*** Data records Section Begins ***
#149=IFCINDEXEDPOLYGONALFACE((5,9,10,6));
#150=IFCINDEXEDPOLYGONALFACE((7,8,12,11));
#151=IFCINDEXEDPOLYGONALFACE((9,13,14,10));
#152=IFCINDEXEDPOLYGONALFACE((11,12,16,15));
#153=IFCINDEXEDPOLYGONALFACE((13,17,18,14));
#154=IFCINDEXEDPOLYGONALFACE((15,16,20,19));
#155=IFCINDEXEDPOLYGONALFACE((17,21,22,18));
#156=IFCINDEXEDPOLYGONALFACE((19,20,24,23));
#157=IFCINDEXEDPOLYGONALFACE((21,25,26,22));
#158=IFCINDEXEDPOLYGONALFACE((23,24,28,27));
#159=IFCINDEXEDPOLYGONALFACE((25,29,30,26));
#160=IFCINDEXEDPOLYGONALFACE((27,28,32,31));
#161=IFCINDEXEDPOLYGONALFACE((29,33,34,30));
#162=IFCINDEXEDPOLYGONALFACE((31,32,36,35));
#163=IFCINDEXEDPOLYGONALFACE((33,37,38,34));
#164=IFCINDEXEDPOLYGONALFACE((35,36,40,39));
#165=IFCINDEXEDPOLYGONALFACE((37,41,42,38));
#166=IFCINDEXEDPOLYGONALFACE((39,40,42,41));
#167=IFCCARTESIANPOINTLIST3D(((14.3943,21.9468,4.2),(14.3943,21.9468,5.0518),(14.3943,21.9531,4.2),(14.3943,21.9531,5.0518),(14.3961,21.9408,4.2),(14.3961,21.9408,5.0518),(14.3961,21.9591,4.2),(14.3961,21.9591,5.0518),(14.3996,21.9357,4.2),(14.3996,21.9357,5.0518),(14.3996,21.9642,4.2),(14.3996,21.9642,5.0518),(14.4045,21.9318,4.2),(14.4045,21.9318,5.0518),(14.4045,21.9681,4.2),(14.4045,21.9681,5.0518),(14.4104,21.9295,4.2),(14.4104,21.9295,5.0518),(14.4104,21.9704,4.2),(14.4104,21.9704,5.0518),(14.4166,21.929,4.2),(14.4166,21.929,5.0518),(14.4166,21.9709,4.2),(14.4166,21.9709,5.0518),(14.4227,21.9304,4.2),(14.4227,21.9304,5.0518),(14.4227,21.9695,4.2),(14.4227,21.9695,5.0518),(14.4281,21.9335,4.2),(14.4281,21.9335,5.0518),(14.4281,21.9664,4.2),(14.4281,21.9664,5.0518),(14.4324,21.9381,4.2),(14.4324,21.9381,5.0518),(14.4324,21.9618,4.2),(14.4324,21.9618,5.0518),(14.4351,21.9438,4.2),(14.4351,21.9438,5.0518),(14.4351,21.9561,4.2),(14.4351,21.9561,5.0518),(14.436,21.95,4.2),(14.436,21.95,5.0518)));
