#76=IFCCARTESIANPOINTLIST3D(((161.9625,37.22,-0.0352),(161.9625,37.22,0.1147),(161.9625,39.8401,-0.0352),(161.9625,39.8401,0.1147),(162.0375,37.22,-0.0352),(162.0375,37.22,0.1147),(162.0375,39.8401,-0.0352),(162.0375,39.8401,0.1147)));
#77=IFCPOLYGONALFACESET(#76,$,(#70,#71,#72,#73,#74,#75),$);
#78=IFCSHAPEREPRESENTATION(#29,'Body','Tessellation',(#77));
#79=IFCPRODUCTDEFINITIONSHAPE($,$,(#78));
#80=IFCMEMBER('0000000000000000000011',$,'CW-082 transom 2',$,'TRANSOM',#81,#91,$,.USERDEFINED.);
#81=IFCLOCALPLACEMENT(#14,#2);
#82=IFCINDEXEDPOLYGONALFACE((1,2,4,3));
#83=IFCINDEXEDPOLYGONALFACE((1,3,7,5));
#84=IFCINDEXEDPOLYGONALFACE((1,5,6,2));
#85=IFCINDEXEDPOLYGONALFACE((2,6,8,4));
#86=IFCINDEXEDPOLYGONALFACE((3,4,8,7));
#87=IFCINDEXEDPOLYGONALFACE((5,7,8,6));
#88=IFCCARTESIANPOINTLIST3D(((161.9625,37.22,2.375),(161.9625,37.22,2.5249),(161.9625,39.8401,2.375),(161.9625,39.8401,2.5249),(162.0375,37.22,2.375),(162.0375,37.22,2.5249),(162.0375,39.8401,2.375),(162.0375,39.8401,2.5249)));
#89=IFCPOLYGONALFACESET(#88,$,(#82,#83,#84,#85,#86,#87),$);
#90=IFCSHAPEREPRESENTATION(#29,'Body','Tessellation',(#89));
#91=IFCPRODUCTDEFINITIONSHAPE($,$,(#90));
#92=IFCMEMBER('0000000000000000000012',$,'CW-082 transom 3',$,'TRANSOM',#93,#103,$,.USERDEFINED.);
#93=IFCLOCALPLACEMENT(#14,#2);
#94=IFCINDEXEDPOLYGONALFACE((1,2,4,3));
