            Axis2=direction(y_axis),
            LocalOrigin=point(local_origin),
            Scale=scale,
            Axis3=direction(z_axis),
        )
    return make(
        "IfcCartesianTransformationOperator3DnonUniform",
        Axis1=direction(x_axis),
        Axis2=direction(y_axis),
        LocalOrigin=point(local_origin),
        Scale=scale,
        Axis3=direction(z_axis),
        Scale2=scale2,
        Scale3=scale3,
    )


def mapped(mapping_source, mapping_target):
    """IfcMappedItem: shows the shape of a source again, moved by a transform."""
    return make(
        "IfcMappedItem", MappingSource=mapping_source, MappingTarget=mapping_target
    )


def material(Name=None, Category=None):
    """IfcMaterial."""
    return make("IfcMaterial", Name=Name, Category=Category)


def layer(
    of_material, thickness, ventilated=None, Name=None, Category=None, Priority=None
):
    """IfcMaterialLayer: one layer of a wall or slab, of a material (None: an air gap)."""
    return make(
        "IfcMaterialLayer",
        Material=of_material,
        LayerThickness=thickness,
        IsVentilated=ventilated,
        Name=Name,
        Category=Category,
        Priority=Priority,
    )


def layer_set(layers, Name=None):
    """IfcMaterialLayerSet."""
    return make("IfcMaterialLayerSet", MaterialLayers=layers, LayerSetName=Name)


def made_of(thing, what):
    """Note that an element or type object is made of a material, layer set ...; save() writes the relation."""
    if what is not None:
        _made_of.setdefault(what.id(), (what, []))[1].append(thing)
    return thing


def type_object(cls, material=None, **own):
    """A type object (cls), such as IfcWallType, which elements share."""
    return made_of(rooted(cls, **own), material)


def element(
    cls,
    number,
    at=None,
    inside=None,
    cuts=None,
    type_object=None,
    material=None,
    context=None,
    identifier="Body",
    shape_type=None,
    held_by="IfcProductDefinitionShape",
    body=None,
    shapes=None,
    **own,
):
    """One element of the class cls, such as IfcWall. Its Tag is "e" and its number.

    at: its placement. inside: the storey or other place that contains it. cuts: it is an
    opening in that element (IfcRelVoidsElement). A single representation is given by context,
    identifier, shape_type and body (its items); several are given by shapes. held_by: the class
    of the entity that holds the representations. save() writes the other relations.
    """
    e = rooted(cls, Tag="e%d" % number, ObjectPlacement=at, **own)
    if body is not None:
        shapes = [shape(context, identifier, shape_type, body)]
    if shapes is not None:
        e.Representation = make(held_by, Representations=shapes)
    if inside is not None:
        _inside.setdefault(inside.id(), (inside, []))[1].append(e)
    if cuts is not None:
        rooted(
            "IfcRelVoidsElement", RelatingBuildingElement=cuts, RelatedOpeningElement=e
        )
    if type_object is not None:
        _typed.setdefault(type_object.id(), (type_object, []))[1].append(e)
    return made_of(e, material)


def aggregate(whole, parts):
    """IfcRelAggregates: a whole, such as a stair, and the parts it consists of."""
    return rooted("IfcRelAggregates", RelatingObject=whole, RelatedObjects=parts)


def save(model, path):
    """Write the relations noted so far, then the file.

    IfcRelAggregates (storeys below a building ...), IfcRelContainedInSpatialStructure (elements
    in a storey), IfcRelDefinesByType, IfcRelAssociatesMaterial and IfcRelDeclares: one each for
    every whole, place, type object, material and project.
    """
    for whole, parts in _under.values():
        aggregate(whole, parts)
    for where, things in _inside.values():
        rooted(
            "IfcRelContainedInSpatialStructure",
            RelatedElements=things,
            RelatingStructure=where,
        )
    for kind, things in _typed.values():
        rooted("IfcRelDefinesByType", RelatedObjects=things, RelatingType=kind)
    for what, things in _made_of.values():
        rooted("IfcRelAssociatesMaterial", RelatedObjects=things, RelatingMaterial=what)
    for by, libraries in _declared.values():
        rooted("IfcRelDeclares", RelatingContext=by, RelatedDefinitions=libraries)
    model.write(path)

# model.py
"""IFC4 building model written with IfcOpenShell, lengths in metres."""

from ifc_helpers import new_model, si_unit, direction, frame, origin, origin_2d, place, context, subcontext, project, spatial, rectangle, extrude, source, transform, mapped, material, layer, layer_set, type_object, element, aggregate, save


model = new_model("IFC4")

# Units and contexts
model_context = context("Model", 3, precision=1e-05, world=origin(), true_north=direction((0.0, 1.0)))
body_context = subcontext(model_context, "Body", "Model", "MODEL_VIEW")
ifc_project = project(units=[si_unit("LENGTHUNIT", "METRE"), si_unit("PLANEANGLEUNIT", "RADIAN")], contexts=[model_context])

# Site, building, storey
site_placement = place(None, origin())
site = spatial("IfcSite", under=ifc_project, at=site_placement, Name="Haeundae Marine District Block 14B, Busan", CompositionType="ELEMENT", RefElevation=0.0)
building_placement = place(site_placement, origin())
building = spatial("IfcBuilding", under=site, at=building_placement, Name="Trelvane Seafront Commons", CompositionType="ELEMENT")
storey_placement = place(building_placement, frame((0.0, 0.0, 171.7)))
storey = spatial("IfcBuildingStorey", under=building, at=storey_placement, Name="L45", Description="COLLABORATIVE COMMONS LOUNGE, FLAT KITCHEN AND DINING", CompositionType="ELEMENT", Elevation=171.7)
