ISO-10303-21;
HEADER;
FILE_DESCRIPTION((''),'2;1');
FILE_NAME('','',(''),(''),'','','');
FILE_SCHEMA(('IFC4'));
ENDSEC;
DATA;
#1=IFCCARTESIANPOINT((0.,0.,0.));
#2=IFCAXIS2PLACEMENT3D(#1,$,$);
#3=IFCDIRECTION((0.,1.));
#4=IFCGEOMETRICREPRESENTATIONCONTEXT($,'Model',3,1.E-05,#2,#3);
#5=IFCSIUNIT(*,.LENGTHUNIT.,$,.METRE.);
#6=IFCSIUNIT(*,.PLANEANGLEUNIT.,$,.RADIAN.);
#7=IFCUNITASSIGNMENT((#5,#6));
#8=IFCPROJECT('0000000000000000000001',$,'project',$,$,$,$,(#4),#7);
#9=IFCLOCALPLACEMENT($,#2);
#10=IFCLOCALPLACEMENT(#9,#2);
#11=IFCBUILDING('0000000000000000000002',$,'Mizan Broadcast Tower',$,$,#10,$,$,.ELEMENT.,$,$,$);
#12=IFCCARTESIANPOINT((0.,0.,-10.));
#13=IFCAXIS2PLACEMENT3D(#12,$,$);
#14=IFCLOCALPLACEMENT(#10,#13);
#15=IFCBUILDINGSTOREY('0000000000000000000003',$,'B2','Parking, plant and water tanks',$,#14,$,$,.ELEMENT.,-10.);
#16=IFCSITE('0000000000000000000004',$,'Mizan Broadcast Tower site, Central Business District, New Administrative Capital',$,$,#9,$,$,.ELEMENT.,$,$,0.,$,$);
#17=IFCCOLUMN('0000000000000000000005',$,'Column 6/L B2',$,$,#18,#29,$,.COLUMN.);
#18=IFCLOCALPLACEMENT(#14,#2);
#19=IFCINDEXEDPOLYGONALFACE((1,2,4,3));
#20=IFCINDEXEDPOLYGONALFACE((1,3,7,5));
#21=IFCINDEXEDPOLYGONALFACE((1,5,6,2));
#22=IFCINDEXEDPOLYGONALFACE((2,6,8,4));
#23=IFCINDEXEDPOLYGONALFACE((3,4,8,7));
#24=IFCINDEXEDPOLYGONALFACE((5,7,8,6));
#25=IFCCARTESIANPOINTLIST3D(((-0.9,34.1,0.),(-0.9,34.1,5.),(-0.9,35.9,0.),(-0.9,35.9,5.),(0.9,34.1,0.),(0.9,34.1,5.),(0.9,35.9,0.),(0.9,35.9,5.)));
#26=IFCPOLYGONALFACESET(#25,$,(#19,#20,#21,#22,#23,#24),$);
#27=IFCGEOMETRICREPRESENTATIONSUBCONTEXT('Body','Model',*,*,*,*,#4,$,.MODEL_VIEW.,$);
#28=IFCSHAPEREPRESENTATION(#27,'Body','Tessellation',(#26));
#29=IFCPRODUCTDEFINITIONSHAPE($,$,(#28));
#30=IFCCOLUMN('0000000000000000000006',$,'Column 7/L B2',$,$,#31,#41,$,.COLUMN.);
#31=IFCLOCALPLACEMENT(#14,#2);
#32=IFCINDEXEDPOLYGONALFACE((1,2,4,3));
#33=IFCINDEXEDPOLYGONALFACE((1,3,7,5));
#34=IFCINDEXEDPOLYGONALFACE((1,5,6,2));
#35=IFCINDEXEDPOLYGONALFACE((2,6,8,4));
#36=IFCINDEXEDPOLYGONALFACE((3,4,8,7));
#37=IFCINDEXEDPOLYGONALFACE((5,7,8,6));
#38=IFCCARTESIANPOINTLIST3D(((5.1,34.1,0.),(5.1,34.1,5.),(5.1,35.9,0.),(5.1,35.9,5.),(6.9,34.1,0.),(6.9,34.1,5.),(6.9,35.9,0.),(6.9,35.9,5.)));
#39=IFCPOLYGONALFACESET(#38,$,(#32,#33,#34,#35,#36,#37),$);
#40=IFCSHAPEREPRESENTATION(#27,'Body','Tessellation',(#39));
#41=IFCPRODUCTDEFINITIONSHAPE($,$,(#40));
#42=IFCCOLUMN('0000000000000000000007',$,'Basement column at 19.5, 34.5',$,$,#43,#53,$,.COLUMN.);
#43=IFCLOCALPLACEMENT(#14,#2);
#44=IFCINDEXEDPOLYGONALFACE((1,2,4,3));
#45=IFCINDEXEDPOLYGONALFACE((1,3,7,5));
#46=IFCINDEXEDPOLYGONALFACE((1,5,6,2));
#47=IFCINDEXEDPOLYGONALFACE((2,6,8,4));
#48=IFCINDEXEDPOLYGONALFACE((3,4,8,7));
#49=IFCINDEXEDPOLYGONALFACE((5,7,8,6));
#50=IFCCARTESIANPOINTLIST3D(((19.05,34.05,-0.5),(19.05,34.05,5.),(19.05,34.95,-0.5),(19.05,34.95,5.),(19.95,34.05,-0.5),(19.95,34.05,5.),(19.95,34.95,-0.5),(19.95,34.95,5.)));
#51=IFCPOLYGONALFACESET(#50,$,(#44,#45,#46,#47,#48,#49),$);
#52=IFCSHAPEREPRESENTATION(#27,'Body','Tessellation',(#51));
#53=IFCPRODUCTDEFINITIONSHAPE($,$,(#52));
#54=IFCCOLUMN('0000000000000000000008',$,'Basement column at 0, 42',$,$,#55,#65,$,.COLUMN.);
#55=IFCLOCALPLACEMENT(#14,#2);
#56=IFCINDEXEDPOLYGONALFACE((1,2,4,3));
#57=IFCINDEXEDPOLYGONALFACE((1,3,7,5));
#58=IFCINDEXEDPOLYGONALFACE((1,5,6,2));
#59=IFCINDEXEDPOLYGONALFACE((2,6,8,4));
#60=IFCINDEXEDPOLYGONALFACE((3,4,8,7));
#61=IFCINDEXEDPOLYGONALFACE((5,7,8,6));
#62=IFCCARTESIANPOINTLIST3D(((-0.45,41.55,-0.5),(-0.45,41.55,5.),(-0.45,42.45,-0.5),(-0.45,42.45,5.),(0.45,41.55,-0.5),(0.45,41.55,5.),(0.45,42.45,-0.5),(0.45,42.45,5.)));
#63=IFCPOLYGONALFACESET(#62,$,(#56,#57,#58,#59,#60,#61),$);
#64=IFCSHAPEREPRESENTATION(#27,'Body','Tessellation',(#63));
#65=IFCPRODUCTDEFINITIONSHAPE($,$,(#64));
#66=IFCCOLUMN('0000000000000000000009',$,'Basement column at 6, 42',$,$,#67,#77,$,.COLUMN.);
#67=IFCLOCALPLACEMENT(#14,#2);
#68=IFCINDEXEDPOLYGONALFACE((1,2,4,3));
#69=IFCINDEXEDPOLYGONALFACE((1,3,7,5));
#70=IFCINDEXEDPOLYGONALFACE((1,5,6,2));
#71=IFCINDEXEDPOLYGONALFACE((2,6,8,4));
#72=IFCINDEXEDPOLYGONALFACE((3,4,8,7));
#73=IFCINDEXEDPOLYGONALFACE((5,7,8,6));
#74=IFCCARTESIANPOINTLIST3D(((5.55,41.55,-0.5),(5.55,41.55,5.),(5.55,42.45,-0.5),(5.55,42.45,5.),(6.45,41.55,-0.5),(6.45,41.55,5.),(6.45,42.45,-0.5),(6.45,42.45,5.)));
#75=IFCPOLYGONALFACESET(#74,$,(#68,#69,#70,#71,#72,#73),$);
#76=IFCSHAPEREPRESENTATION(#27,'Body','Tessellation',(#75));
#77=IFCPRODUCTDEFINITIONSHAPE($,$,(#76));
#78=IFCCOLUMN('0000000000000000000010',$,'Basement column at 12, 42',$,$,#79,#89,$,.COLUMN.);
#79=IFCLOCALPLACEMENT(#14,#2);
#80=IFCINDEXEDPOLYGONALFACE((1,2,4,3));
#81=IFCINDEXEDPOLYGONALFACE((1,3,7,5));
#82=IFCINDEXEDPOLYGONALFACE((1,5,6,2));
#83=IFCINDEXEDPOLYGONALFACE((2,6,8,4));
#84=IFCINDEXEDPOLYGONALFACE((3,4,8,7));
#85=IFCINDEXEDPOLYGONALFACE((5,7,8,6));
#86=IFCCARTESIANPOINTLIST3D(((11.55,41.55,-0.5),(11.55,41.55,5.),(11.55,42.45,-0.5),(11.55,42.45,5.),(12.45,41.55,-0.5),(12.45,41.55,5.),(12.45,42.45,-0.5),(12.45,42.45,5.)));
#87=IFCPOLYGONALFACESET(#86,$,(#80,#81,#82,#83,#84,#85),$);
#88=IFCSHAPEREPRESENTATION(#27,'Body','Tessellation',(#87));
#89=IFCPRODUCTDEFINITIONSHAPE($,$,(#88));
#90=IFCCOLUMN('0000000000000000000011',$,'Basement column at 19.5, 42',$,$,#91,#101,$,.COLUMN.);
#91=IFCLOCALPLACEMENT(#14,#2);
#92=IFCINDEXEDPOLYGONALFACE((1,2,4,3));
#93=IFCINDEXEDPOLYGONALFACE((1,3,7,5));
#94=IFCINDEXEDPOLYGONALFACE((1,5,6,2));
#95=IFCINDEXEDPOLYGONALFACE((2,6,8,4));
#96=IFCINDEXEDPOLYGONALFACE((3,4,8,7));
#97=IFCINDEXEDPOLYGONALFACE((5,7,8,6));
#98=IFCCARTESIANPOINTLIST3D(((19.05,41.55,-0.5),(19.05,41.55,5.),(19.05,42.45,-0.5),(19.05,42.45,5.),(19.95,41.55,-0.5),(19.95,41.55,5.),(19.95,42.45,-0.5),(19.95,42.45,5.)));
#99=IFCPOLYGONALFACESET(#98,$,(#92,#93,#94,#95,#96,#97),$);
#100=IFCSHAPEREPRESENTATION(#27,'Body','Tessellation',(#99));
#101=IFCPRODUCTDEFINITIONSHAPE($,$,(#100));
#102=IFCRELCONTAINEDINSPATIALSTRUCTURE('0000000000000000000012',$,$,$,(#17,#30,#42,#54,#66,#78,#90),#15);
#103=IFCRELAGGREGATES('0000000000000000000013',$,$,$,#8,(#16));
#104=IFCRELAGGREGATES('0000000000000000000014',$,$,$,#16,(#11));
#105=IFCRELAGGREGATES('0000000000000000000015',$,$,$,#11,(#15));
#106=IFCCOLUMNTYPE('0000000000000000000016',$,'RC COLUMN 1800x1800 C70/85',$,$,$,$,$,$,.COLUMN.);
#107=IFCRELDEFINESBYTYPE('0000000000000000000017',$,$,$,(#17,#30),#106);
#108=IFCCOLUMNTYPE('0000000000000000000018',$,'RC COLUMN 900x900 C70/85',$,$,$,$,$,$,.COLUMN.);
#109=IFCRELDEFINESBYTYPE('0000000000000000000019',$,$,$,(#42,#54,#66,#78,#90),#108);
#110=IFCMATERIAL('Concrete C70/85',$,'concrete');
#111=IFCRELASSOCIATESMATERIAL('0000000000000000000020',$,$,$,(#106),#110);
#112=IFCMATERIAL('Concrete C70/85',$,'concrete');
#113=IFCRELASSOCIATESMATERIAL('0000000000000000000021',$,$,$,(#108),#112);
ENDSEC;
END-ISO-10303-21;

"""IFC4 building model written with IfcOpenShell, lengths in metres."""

from ifc_helpers import new_model, si_unit, direction, frame, origin, origin_2d, place, context, subcontext, project, spatial, rectangle, extrude, material, material_profile, profile_set, type_object, element, save


model = new_model("IFC4")

# Units and contexts
model_context = context("Model", 3, precision=1e-05, world=origin(), true_north=direction((0.0, 1.0)))
body_context = subcontext(model_context, "Body", "Model", "MODEL_VIEW")
ifc_project = project(units=[si_unit("LENGTHUNIT", "METRE"), si_unit("PLANEANGLEUNIT", "RADIAN")], contexts=[model_context])

# Site, building, storey
site_placement = place(None, origin())
site = spatial("IfcSite", under=ifc_project, at=site_placement, Name="Mizan Broadcast Tower site, Central Business District, New Administrative Capital", CompositionType="ELEMENT", RefElevation=0.0)
building_placement = place(site_placement, origin())
building = spatial("IfcBuilding", under=site, at=building_placement, Name="Mizan Broadcast Tower", CompositionType="ELEMENT")
storey_placement = place(building_placement, frame((0.0, 0.0, -10.0)))
storey = spatial("IfcBuildingStorey", under=building, at=storey_placement, Name="B2", Description="Parking, plant and water tanks", CompositionType="ELEMENT", Elevation=-10.0)

# Columns
ifc_material_1 = material(Name="Concrete C70/85", Category="concrete")
ifc_material_profile_1 = material_profile(ifc_material_1, rectangle(XDim=1.8, YDim=1.8, at=origin_2d()), Name="RC 1800x1800")
ifc_profile_set_1 = profile_set([ifc_material_profile_1], Name="Concrete C70/85")
column_type_1 = type_object("IfcColumnType", Name="RC COLUMN 1800x1800 C70/85", PredefinedType="COLUMN", material=ifc_profile_set_1)
for number, where, z_axis, x_axis, name in (
    (1, (0.0, 35.0, 0.0), (0.0, 0.0, 1.0), (1.0, 0.0, 0.0), "Column 6/L B2"),
    (2, (6.0, 35.0, 0.0), (0.0, 0.0, 1.0), (1.0, 0.0, 0.0), "Column 7/L B2"),
):
    element("IfcColumn", number, at=place(storey_placement, frame(where, z_axis=z_axis, x_axis=x_axis)), inside=storey, type_object=column_type_1, Name=name, PredefinedType="COLUMN", context=body_context, shape_type="SweptSolid", body=[
        extrude(rectangle(XDim=1.8, YDim=1.8, at=origin_2d()), origin(), (0.0, 0.0, 1.0), 5.0),
    ])
ifc_material_2 = material(Name="Concrete C70/85", Category="concrete")
ifc_material_profile_2 = material_profile(ifc_material_2, rectangle(XDim=0.8999, YDim=0.8999, at=origin_2d()), Name="RC 900x900")
ifc_profile_set_2 = profile_set([ifc_material_profile_2], Name="Concrete C70/85")
column_type_2 = type_object("IfcColumnType", Name="RC COLUMN 900x900 C70/85", PredefinedType="COLUMN", material=ifc_profile_set_2)
for number, where, z_axis, x_axis, name in (
    (3, (19.5, 34.5, -0.5), (0.0, 0.0, 1.0), (1.0, 0.0, 0.0), "Basement column at 19.5, 34.5"),
    (4, (0.0, 42.0, -0.5), (0.0, 0.0, 1.0), (1.0, 0.0, 0.0), "Basement column at 0, 42"),
    (5, (6.0, 42.0, -0.5), (0.0, 0.0, 1.0), (1.0, 0.0, 0.0), "Basement column at 6, 42"),
    (6, (12.0, 42.0, -0.5), (0.0, 0.0, 1.0), (1.0, 0.0, 0.0), "Basement column at 12, 42"),
    (7, (19.5, 42.0, -0.5), (0.0, 0.0, 1.0), (1.0, 0.0, 0.0), "Basement column at 19.5, 42"),
):
    element("IfcColumn", number, at=place(storey_placement, frame(where, z_axis=z_axis, x_axis=x_axis)), inside=storey, type_object=column_type_2, Name=name, PredefinedType="COLUMN", context=body_context, shape_type="SweptSolid", body=[
        extrude(rectangle(XDim=0.8999, YDim=0.8999, at=origin_2d()), origin(), (0.0, 0.0, 1.0), 5.5),
    ])

save(model, "model.ifc")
*** Data records Section Ends ***
• **What is being asked**:
Take the lines from the top of the data through the one that contains "#158=IFCINDEXEDPOLYGONALFACE((23,24,28,27));" and copy them exactly, leaving out every line after it.

• **Result**:
#149=IFCINDEXEDPOLYGONALFACE((5,9,10,6));
#150=IFCINDEXEDPOLYGONALFACE((7,8,12,11));
#151=IFCINDEXEDPOLYGONALFACE((9,13,14,10));
#152=IFCINDEXEDPOLYGONALFACE((11,12,16,15));
#153=IFCINDEXEDPOLYGONALFACE((13,17,18,14));
#154=IFCINDEXEDPOLYGONALFACE((15,16,20,19));
#155=IFCINDEXEDPOLYGONALFACE((17,21,22,18));
#156=IFCINDEXEDPOLYGONALFACE((19,20,24,23));
#157=IFCINDEXEDPOLYGONALFACE((21,25,26,22));
#158=IFCINDEXEDPOLYGONALFACE((23,24,28,27));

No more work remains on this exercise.